======== PROVIDED MATERIAL ========

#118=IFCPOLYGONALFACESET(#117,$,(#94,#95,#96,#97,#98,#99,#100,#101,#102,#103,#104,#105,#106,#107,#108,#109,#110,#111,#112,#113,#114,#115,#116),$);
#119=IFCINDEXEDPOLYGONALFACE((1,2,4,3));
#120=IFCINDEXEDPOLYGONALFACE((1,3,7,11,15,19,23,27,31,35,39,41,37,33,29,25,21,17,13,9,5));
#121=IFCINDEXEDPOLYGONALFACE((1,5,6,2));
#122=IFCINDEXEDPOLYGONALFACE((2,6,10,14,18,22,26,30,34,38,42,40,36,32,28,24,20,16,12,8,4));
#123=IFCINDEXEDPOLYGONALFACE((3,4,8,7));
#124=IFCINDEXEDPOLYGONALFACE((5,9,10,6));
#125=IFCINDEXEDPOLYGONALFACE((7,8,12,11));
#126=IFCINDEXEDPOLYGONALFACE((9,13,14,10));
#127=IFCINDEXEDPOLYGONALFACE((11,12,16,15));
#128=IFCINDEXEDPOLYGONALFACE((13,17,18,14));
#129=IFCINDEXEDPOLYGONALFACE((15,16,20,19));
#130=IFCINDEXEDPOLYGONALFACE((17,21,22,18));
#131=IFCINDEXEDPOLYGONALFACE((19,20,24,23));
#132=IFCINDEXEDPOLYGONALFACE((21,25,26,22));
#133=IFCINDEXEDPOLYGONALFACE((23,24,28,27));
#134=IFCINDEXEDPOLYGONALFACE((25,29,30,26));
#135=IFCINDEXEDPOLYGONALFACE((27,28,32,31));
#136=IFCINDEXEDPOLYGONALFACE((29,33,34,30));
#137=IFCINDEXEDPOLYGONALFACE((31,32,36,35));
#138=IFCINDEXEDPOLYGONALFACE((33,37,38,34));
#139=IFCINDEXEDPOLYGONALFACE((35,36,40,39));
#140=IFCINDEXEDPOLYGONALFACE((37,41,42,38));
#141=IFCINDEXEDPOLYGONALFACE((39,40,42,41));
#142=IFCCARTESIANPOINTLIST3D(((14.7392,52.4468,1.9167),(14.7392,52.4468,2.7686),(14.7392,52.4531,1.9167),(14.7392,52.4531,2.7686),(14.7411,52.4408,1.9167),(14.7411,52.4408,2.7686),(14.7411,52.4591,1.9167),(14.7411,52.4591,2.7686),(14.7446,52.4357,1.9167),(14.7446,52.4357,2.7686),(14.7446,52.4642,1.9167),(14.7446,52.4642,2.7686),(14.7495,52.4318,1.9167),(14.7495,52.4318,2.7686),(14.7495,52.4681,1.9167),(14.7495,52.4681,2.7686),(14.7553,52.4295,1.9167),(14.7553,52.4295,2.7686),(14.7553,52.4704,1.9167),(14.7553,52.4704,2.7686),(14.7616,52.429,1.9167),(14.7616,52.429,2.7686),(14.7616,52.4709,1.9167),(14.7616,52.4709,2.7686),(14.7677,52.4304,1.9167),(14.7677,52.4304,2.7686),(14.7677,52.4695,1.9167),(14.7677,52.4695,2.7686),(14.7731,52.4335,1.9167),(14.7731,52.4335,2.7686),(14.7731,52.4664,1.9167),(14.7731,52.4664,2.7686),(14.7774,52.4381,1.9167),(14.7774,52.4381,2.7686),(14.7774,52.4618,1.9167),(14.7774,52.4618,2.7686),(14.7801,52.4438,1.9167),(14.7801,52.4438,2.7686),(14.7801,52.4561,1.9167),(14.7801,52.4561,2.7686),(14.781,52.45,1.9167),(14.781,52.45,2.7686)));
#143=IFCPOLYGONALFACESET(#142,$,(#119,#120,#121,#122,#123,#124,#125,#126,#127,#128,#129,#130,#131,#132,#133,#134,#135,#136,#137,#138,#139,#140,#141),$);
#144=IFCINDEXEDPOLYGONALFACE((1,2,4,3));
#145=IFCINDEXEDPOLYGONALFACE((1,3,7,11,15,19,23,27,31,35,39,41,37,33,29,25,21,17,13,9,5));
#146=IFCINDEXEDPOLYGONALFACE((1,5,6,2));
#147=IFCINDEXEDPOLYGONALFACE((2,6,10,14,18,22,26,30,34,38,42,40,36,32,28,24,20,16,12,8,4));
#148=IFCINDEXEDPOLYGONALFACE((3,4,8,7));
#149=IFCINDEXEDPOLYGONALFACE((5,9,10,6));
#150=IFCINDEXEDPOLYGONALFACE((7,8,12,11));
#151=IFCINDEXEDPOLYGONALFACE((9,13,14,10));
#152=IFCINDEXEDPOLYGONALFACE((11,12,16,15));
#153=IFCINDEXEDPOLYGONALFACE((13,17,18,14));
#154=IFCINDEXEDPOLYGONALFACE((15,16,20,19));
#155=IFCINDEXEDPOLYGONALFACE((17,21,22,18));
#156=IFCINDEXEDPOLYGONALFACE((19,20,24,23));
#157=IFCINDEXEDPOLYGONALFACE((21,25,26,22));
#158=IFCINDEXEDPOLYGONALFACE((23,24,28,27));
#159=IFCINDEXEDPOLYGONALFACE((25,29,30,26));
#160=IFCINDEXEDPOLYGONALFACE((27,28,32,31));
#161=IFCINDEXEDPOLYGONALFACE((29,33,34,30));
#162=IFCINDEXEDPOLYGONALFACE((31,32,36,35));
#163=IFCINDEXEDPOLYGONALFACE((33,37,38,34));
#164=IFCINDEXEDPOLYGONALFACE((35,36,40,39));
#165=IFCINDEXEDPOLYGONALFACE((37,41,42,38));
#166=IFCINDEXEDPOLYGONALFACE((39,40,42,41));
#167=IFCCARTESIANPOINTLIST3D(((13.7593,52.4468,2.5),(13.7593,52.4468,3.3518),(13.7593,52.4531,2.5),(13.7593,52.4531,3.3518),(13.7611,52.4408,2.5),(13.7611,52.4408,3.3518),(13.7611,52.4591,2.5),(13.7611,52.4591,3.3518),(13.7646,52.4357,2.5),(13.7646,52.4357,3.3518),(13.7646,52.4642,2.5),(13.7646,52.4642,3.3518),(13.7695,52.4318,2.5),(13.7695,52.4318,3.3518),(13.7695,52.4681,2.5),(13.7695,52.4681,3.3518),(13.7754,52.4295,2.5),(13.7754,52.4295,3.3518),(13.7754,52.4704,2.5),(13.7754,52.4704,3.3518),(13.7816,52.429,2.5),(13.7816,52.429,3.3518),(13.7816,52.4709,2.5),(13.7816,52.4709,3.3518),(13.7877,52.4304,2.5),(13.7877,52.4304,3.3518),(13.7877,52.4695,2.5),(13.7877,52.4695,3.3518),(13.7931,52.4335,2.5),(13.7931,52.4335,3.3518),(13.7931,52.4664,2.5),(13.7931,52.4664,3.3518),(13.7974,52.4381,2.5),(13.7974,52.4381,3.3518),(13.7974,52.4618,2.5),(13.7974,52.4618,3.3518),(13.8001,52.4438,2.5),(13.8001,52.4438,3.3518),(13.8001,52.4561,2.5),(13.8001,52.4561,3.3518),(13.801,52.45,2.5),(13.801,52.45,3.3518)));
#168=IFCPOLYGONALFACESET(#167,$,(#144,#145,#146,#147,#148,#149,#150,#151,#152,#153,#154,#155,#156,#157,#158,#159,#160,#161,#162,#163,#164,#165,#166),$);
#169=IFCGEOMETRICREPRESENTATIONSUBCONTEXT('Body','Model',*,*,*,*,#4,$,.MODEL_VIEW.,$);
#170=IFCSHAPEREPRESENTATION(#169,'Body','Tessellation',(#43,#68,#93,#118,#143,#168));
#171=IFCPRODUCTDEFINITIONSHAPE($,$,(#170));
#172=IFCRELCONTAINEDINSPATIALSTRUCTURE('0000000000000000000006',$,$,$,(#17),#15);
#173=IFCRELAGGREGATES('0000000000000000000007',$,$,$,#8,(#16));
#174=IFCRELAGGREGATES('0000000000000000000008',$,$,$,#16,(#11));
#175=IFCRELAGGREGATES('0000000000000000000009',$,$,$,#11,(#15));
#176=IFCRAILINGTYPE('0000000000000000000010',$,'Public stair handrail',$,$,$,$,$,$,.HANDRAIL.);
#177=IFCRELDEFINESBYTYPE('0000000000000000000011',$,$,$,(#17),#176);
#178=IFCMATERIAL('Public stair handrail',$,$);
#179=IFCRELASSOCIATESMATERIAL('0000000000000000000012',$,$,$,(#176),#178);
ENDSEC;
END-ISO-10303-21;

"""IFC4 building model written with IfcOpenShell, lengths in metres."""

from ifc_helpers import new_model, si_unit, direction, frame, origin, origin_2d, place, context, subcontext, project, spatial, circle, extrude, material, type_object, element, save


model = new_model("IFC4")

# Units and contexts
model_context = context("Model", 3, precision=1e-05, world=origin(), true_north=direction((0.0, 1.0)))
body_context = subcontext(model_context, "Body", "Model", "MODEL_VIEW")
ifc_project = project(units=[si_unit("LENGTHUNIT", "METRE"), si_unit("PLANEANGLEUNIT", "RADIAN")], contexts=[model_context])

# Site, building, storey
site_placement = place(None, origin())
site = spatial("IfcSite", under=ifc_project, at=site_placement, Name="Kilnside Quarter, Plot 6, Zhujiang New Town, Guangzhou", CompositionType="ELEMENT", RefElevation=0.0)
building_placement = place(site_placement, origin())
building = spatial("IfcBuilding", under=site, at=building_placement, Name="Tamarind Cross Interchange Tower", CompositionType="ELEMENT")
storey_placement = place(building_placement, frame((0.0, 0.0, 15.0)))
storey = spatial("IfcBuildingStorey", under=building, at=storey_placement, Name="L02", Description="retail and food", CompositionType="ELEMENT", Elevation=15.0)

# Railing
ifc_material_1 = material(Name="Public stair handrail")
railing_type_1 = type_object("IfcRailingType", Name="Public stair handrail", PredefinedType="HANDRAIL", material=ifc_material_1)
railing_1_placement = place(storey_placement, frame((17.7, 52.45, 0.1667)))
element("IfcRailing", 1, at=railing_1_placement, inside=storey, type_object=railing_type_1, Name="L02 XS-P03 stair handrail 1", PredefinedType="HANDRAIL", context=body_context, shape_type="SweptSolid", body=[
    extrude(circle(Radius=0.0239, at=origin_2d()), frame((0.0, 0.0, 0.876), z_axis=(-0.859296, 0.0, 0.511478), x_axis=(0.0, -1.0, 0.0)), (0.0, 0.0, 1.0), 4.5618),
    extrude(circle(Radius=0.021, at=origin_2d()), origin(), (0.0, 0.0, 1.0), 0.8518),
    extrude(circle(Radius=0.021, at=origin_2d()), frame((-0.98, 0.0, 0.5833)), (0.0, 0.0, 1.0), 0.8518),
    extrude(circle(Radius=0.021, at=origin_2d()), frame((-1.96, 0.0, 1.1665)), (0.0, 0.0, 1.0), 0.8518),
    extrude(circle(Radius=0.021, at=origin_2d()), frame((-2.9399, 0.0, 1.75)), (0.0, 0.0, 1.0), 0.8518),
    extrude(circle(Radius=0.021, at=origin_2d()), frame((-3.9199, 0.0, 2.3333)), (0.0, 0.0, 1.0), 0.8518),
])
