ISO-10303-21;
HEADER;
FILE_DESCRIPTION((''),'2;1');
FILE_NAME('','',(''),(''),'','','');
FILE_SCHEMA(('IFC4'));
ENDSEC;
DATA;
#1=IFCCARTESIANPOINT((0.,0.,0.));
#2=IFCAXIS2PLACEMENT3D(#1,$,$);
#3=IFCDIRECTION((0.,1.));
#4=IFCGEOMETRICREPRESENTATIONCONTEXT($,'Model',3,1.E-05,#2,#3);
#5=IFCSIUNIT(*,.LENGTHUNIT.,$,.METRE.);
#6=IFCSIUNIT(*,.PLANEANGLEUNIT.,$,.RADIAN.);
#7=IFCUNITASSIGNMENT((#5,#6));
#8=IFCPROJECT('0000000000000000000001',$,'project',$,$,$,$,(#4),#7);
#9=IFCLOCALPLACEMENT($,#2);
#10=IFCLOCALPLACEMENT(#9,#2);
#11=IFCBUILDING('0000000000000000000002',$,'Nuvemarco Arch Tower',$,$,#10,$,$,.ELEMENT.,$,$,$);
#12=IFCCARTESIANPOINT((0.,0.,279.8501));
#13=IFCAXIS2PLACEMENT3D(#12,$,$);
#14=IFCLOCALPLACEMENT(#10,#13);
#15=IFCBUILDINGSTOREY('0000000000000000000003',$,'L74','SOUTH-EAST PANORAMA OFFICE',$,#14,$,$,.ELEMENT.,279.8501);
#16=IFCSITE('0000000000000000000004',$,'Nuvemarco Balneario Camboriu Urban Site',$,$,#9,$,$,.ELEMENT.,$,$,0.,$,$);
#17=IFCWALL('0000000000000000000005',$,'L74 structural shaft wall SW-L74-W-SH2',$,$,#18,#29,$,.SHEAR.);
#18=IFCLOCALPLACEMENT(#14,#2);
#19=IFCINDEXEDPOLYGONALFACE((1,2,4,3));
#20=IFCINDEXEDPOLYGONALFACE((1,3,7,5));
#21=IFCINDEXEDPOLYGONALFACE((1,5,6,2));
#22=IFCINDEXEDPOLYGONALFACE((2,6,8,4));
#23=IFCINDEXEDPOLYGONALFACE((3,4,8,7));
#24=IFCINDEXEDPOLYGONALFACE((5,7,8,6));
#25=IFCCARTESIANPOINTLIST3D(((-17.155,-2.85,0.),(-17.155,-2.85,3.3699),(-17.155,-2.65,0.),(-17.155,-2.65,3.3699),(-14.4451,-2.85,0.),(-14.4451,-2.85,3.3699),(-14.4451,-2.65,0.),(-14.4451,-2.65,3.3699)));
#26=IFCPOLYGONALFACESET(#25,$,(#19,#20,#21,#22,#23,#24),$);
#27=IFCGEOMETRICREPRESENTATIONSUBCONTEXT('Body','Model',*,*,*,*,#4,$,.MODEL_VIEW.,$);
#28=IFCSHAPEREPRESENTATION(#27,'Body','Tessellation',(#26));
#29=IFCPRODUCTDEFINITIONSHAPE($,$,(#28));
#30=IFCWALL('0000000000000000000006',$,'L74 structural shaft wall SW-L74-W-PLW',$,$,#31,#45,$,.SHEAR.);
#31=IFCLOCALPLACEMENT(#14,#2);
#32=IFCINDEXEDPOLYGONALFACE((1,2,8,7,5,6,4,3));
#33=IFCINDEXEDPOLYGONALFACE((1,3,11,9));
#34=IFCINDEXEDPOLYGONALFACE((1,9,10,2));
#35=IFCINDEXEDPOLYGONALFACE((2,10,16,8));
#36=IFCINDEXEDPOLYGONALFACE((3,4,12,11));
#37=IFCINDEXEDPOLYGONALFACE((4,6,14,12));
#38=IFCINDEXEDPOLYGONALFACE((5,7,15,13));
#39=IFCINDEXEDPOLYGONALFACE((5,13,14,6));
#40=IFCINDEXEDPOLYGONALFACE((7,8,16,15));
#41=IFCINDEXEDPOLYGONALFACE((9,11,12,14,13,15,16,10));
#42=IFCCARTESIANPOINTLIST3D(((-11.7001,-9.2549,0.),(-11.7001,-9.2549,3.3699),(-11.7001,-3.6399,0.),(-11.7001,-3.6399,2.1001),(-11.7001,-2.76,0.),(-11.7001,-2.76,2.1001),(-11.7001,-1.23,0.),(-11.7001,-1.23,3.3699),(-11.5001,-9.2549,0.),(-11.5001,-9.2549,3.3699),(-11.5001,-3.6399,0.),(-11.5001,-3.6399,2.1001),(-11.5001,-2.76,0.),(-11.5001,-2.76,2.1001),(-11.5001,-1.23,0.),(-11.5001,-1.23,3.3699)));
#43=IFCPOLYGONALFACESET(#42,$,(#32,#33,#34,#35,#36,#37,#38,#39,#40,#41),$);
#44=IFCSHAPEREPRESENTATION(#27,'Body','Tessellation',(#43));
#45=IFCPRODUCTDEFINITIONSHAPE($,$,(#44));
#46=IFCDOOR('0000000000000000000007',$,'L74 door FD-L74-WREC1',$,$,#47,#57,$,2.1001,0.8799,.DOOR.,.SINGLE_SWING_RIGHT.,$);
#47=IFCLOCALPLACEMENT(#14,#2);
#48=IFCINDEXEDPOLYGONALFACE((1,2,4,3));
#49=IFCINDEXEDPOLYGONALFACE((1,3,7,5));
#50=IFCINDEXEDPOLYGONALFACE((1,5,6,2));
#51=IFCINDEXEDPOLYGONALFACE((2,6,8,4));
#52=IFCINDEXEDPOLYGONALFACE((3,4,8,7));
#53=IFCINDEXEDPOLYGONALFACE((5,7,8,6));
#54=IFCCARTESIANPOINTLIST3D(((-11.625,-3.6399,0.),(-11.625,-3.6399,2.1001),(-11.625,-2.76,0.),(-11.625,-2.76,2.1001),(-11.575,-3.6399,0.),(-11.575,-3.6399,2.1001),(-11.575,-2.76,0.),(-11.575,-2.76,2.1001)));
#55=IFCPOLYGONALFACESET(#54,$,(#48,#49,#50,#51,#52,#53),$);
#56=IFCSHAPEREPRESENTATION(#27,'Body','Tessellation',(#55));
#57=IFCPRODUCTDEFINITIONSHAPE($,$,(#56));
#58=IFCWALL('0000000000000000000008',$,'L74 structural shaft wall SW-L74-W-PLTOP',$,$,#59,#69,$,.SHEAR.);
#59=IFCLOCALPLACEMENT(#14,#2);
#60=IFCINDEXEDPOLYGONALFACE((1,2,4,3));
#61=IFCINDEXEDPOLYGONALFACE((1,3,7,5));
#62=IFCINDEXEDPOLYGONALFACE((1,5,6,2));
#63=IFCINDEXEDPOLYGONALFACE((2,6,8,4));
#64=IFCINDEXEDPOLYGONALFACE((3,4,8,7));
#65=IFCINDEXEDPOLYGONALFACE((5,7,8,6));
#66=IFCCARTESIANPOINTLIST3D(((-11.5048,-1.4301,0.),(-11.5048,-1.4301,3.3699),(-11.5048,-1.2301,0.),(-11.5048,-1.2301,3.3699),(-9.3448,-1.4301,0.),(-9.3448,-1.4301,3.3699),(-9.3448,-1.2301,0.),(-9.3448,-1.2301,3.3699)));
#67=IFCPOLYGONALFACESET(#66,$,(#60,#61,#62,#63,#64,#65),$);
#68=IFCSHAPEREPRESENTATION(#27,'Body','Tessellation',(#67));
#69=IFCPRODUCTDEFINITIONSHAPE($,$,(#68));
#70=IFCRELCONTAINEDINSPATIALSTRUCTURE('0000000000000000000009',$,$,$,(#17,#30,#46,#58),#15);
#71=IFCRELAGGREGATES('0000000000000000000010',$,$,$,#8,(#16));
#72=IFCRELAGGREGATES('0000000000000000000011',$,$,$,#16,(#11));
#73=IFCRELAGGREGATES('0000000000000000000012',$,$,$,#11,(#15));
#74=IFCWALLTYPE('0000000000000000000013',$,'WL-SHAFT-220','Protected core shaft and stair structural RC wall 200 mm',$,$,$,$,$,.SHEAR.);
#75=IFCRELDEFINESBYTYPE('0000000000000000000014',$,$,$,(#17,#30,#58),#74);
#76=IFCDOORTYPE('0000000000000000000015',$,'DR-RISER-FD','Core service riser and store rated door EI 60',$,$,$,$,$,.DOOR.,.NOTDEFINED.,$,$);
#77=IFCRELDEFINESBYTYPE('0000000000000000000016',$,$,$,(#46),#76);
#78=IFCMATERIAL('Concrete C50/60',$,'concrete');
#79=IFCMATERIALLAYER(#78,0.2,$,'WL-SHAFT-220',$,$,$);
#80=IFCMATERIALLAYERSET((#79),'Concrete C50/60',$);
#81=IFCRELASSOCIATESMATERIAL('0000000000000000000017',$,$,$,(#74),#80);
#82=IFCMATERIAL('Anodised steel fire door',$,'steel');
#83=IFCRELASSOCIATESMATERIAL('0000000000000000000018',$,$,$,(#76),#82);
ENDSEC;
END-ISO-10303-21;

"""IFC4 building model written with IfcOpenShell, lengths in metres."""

from ifc_helpers import new_model, si_unit, direction, frame, frame_2d, origin, place, context, subcontext, project, spatial, rectangle, extrude, source, transform, mapped, material, layer, layer_set, type_object, type_shapes, element, fill, save


model = new_model("IFC4")

# Units and contexts
model_context = context("Model", 3, precision=1e-05, world=origin(), true_north=direction((0.0, 1.0)))
body_context = subcontext(model_context, "Body", "Model", "MODEL_VIEW")
ifc_project = project(units=[si_unit("LENGTHUNIT", "METRE"), si_unit("PLANEANGLEUNIT", "RADIAN")], contexts=[model_context])

# Site, building, storey
site_placement = place(None, origin())
site = spatial("IfcSite", under=ifc_project, at=site_placement, Name="Nuvemarco Balneario Camboriu Urban Site", CompositionType="ELEMENT", RefElevation=0.0)
building_placement = place(site_placement, origin())
building = spatial("IfcBuilding", under=site, at=building_placement, Name="Nuvemarco Arch Tower", CompositionType="ELEMENT")
storey_placement = place(building_placement, frame((0.0, 0.0, 279.8501)))
storey = spatial("IfcBuildingStorey", under=building, at=storey_placement, Name="L74", Description="SOUTH-EAST PANORAMA OFFICE", CompositionType="ELEMENT", Elevation=279.8501)

# Shared definitions
ifc_material_1 = material(Name="Concrete C50/60", Category="concrete")

# Shared definitions
ifc_material_2 = material(Name="Anodised steel fire door", Category="steel")

# Shared definitions
ifc_layer_1 = layer(ifc_material_1, 0.2, Name="WL-SHAFT-220")
ifc_layer_set_1 = layer_set([ifc_layer_1], Name="Concrete C50/60")
wall_type_1 = type_object("IfcWallType", Name="WL-SHAFT-220", Description="Protected core shaft and stair structural RC wall 200 mm", PredefinedType="SHEAR", material=ifc_layer_set_1)

# Shared definitions
door_type_1 = type_object("IfcDoorType", Name="DR-RISER-FD", Description="Core service riser and store rated door EI 60", OperationType="NOTDEFINED", PredefinedType="DOOR", material=ifc_material_2)
shared_shape_1 = source(origin(), body_context, "Body", "SweptSolid", [
    extrude(rectangle(XDim=0.8799, YDim=2.1001, at=frame_2d((0.4399, 1.05))), frame((0.0, 0.0249, 0.0), z_axis=(0.0, -1.0, 0.0), x_axis=(1.0, 0.0, 0.0)), (0.0, 0.0, 1.0), 0.05),
])
type_shapes(door_type_1, [shared_shape_1])

# Wall
wall_1_placement = place(storey_placement, frame((-17.155, -2.75, 0.0), z_axis=(0.0, 0.0, 1.0), x_axis=(1.0, 0.0, 0.0)))
element("IfcWall", 1, at=wall_1_placement, inside=storey, type_object=wall_type_1, Name="L74 structural shaft wall SW-L74-W-SH2", PredefinedType="SHEAR", context=body_context, shape_type="SweptSolid", body=[
    extrude(rectangle(XDim=2.71, YDim=0.2, at=frame_2d((1.355, 0.0))), origin(), (0.0, 0.0, 1.0), 3.3699),
])

# Wall, opening, door
wall_2_placement = place(storey_placement, frame((-11.6001, -9.2549, 0.0), z_axis=(0.0, 0.0, 1.0), x_axis=(0.0, 1.0, 0.0)))
wall_2 = element("IfcWall", 2, at=wall_2_placement, inside=storey, type_object=wall_type_1, Name="L74 structural shaft wall SW-L74-W-PLW", PredefinedType="SHEAR", context=body_context, shape_type="SweptSolid", body=[
    extrude(rectangle(XDim=8.0249, YDim=0.2, at=frame_2d((4.0125, 0.0))), origin(), (0.0, 0.0, 1.0), 3.3699),
])
opening_1_placement = place(wall_2_placement, frame((5.615, 0.0, 0.0)))
opening_1 = element("IfcOpeningElement", 3, at=opening_1_placement, cuts=wall_2, PredefinedType="OPENING", context=body_context, shape_type="SweptSolid", body=[
    extrude(rectangle(XDim=0.8799, YDim=2.1001, at=frame_2d((0.4399, 1.05))), frame((0.0, 0.1099, 0.0), z_axis=(0.0, -1.0, 0.0), x_axis=(1.0, 0.0, 0.0)), (0.0, 0.0, 1.0), 0.22),
])
door_1_placement = place(opening_1_placement, origin())
door_1 = element("IfcDoor", 4, at=door_1_placement, inside=storey, type_object=door_type_1, Name="L74 door FD-L74-WREC1", OperationType="SINGLE_SWING_RIGHT", OverallHeight=2.1001, OverallWidth=0.8799, PredefinedType="DOOR", context=body_context, shape_type="MappedRepresentation", body=[
    mapped(shared_shape_1, transform((0.0, 0.0, 0.0), scale=1.0)),
])
fill(opening_1, door_1)

# Wall
wall_3_placement = place(storey_placement, frame((-11.5049, -1.3301, 0.0), z_axis=(0.0, 0.0, 1.0), x_axis=(1.0, 0.0, 0.0)))
element("IfcWall", 5, at=wall_3_placement, inside=storey, type_object=wall_type_1, Name="L74 structural shaft wall SW-L74-W-PLTOP", PredefinedType="SHEAR", context=body_context, shape_type="SweptSolid", body=[
    extrude(rectangle(XDim=2.1599, YDim=0.2, at=frame_2d((1.0801, 0.0))), origin(), (0.0, 0.0, 1.0), 3.3699),
])

save(model, "model.ifc")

========

PROBLEM DESCRIPTION:
Your response should be the lines of the entries above that include the string "IFCPOLYGONALFACESET".

TASK RESPONSE:
#118=IFCPOLYGONALFACESET(#117,$,(#94,#95,#96,#97,#98,#99,#100,#101,#102,#103,#104,#105,#106,#107,#108,#109,#110,#111,#112,#113,#114,#115,#116),$);
#143=IFCPOLYGONALFACESET(#142,$,(#119,#120,#121,#122,#123,#124,#125,#126,#127,#128,#129,#130,#131,#132,#133,#134,#135,#136,#137,#138,#139,#140,#141),$);
#168=IFCPOLYGONALFACESET(#167,$,(#144,#145,#146,#147,#148,#149,#150,#151,#152,#153,#154,#155,#156,#157,#158,#159,#160,#161,#162,#163,#164,#165,#166),$);
#26=IFCPOLYGONALFACESET(#25,$,(#19,#20,#21,#22,#23,#24),$);
#43=IFCPOLYGONALFACESET(#42,$,(#32,#33,#34,#35,#36,#37,#38,#39,#40,#41),$);
#55=IFCPOLYGONALFACESET(#54,$,(#48,#49,#50,#51,#52,#53),$);
#67=IFCPOLYGONALFACESET(#66,$,(#60,#61,#62,#63,#64,#65),$);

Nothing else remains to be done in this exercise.